◆ WHAT YOU NEED TO DO:
Every line in the data below from the one containing "and its number." down to the one containing "at: its placement.", both included, must be retyped exactly; no other line is to appear.

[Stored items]

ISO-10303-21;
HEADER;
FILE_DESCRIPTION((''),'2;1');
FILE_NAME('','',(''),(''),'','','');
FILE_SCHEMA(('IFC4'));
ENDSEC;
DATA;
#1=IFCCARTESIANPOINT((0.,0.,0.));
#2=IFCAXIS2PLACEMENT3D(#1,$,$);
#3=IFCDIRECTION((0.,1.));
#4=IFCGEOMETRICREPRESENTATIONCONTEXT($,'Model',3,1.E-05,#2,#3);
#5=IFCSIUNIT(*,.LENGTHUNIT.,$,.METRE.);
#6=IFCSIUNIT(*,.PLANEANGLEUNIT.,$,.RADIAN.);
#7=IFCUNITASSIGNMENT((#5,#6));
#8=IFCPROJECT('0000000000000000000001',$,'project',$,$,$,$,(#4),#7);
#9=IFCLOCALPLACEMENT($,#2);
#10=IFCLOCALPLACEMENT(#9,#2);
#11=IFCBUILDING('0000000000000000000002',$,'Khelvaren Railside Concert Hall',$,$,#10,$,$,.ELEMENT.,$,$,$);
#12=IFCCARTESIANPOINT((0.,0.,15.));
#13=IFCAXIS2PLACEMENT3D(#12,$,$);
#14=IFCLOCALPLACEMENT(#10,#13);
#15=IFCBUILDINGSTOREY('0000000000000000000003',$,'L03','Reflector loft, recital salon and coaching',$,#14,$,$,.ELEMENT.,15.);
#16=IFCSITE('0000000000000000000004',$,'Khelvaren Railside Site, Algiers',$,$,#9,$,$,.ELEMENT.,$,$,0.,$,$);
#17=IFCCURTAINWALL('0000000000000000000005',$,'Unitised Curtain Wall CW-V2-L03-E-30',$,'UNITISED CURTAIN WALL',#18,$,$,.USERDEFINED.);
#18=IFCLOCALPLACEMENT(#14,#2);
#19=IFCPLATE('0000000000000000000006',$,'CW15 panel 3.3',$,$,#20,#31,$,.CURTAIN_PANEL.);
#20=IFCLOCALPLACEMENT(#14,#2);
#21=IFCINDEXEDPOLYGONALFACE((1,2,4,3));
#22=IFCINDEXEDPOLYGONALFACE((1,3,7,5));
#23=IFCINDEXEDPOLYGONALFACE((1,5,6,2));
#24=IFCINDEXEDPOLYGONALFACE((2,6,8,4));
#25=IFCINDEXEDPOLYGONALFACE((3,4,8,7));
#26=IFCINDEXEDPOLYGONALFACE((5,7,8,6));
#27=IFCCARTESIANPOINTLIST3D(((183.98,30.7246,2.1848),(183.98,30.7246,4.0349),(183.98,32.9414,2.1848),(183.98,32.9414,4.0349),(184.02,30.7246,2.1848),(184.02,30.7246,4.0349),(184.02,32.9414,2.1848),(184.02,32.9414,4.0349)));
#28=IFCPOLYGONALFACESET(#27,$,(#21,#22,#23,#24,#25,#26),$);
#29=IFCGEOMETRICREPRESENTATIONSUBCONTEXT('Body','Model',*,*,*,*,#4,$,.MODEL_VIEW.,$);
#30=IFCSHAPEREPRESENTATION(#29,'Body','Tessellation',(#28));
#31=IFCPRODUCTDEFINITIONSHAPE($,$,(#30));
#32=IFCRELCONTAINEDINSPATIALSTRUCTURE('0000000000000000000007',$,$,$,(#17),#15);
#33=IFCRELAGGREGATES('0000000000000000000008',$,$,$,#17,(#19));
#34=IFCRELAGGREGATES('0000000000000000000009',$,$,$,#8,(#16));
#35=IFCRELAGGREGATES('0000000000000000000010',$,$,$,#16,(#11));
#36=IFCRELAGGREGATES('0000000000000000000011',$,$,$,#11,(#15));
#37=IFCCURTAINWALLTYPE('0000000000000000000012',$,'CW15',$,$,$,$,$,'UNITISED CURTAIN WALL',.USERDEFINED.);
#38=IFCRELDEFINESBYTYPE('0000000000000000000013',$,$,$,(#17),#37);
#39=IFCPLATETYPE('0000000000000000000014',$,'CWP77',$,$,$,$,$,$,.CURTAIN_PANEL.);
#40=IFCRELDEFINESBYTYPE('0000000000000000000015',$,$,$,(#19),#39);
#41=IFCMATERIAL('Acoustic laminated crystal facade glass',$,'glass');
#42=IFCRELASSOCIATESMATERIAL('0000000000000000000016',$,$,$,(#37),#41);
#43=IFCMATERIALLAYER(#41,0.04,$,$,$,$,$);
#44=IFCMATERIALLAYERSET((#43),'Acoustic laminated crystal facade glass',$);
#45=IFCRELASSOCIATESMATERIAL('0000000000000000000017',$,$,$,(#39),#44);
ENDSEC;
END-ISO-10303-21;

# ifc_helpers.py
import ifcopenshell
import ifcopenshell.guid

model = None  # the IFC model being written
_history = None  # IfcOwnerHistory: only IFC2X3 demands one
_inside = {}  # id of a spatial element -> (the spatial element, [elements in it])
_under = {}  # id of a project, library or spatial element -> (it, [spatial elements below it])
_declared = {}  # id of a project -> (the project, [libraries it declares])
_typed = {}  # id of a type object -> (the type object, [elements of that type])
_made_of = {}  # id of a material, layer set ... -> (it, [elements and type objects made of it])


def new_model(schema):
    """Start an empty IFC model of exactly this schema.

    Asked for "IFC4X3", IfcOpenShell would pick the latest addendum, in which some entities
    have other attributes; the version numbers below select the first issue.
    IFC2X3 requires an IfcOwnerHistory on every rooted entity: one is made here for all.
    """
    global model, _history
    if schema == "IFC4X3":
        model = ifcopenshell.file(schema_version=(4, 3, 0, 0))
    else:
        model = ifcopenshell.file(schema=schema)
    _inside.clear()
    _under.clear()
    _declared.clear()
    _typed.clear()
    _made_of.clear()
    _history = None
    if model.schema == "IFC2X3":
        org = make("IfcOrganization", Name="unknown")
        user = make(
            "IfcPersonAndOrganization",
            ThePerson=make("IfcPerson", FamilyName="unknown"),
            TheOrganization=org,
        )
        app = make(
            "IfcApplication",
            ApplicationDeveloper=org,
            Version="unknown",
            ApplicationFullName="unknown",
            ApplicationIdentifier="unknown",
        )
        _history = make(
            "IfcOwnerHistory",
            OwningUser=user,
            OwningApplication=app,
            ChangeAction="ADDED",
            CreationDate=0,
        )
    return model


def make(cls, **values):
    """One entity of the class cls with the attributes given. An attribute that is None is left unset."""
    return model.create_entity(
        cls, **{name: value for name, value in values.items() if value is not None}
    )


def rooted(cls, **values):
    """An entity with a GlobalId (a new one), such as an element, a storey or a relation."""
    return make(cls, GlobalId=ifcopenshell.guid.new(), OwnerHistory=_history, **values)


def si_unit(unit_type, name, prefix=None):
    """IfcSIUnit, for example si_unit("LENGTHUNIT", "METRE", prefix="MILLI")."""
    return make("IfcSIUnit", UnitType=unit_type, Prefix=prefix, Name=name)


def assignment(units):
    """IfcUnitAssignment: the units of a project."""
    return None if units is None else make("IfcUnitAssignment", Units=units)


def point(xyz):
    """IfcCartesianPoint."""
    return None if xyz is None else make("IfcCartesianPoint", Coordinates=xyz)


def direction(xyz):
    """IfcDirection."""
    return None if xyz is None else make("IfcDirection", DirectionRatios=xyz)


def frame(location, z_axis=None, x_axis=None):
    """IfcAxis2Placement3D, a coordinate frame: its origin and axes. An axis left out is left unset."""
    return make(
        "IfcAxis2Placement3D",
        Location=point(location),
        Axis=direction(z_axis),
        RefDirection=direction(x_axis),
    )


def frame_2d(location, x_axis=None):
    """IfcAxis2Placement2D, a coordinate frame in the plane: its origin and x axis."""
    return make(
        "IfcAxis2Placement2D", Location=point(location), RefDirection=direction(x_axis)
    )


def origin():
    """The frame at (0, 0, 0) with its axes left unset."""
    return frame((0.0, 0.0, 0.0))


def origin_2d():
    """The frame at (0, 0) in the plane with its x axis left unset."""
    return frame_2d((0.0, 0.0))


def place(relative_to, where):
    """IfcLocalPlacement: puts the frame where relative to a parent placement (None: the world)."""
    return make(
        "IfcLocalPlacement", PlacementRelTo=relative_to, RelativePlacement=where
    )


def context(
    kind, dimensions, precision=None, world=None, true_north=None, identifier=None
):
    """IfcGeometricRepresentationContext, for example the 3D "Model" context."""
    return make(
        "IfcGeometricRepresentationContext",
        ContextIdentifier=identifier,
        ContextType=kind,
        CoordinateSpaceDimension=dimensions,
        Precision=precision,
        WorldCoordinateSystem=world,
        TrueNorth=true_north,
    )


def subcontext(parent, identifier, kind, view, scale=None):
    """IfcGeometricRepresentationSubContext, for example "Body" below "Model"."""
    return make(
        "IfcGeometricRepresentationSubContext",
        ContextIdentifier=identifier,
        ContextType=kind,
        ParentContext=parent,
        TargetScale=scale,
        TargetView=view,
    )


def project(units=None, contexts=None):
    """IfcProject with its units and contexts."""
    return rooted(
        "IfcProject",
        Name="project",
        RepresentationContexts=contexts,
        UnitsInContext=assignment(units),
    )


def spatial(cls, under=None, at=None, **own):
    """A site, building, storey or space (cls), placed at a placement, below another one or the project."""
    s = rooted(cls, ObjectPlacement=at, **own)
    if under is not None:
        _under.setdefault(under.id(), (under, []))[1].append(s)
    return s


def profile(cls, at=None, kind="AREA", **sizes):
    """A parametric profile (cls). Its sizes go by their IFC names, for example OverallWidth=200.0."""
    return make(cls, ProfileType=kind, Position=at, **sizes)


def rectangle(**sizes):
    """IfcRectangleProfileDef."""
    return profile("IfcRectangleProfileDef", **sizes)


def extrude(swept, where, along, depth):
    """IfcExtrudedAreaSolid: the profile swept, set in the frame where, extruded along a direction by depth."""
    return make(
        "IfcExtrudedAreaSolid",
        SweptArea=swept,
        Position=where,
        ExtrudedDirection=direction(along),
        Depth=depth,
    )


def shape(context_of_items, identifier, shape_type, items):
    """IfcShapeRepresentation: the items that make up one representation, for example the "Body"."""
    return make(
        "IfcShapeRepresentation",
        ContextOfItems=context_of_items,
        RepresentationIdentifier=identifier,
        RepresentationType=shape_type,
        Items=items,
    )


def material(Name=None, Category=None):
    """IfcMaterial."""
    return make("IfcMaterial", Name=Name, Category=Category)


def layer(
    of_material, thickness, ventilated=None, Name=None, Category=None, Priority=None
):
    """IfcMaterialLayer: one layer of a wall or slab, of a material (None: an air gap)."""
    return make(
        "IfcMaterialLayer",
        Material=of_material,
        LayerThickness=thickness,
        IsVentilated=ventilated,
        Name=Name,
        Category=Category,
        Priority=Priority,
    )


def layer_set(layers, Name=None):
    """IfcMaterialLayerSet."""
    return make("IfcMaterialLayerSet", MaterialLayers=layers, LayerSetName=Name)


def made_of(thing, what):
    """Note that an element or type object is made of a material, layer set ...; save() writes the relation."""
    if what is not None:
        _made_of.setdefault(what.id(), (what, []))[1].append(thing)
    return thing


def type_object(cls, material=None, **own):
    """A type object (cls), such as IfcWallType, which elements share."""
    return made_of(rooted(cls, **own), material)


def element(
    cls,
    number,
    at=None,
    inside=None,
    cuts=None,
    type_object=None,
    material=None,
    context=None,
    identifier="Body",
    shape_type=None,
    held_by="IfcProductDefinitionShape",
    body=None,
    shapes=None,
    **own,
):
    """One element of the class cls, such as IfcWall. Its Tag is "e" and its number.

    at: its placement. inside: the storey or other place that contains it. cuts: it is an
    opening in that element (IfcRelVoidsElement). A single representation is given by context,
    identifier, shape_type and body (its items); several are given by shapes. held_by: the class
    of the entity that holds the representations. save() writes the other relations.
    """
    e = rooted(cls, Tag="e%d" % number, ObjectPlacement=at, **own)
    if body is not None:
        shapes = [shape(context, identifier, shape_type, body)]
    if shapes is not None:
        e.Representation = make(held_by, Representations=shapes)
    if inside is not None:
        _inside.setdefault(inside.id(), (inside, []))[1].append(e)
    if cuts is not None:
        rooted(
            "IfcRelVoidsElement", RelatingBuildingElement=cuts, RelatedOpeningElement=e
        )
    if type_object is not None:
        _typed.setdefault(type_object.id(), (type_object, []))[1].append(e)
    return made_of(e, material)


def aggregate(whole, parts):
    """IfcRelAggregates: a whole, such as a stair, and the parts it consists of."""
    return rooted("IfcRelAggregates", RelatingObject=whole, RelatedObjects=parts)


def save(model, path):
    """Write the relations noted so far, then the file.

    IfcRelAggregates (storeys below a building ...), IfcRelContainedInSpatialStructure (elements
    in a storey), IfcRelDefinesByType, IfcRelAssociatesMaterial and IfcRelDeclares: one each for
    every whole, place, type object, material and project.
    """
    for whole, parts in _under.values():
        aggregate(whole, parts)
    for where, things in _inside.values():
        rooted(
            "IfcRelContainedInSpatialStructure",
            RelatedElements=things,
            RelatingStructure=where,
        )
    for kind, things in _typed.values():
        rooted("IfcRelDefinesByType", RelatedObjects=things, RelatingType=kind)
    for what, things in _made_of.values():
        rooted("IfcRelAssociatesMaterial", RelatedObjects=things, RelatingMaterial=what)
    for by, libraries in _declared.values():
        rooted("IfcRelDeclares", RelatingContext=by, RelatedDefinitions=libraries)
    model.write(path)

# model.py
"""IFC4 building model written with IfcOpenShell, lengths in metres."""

from ifc_helpers import new_model, si_unit, direction, frame, origin, origin_2d, place, context, subcontext, project, spatial, rectangle, extrude, material, layer, layer_set, type_object, element, aggregate, save


model = new_model("IFC4")

# Units and contexts
model_context = context("Model", 3, precision=1e-05, world=origin(), true_north=direction((0.0, 1.0)))
body_context = subcontext(model_context, "Body", "Model", "MODEL_VIEW")
ifc_project = project(units=[si_unit("LENGTHUNIT", "METRE"), si_unit("PLANEANGLEUNIT", "RADIAN")], contexts=[model_context])

# Site, building, storey
site_placement = place(None, origin())
site = spatial("IfcSite", under=ifc_project, at=site_placement, Name="Khelvaren Railside Site, Algiers", CompositionType="ELEMENT", RefElevation=0.0)
building_placement = place(site_placement, origin())
building = spatial("IfcBuilding", under=site, at=building_placement, Name="Khelvaren Railside Concert Hall", CompositionType="ELEMENT")
storey_placement = place(building_placement, frame((0.0, 0.0, 15.0)))
storey = spatial("IfcBuildingStorey", under=building, at=storey_placement, Name="L03", Description="Reflector loft, recital salon and coaching", CompositionType="ELEMENT", Elevation=15.0)

# Curtain wall
ifc_material_1 = material(Name="Acoustic laminated crystal facade glass", Category="glass")
curtain_wall_type_1 = type_object("IfcCurtainWallType", Name="CW15", ElementType="UNITISED CURTAIN WALL", PredefinedType="USERDEFINED", material=ifc_material_1)
curtain_wall_1_placement = place(storey_placement, origin())
curtain_wall_1 = element("IfcCurtainWall", 1, at=curtain_wall_1_placement, inside=storey, type_object=curtain_wall_type_1, Name="Unitised Curtain Wall CW-V2-L03-E-30", ObjectType="UNITISED CURTAIN WALL", PredefinedType="USERDEFINED")

# Plate
ifc_layer = layer(ifc_material_1, 0.04)
ifc_layer_set = layer_set([ifc_layer], Name="Acoustic laminated crystal facade glass")
plate_type = type_object("IfcPlateType", Name="CWP77", PredefinedType="CURTAIN_PANEL", material=ifc_layer_set)
plate_1_placement = place(storey_placement, frame((184.0, 31.833, 2.1848), z_axis=(0.0, 0.0, 1.0), x_axis=(0.0, -1.0, 0.0)))
plate_1 = element("IfcPlate", 2, at=plate_1_placement, type_object=plate_type, Name="CW15 panel 3.3", PredefinedType="CURTAIN_PANEL", context=body_context, shape_type="SweptSolid", body=[
    extrude(rectangle(XDim=2.2168, YDim=0.04, at=origin_2d()), origin(), (0.0, 0.0, 1.0), 1.8501),
])
aggregate(curtain_wall_1, [plate_1])

save(model, "model.ifc")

◆ SOLUTION FOR THIS TASK:
    """One element of the class cls, such as IfcWall. Its Tag is "e" and its number.

    at: its placement. inside: the storey or other place that contains it. cuts: it is an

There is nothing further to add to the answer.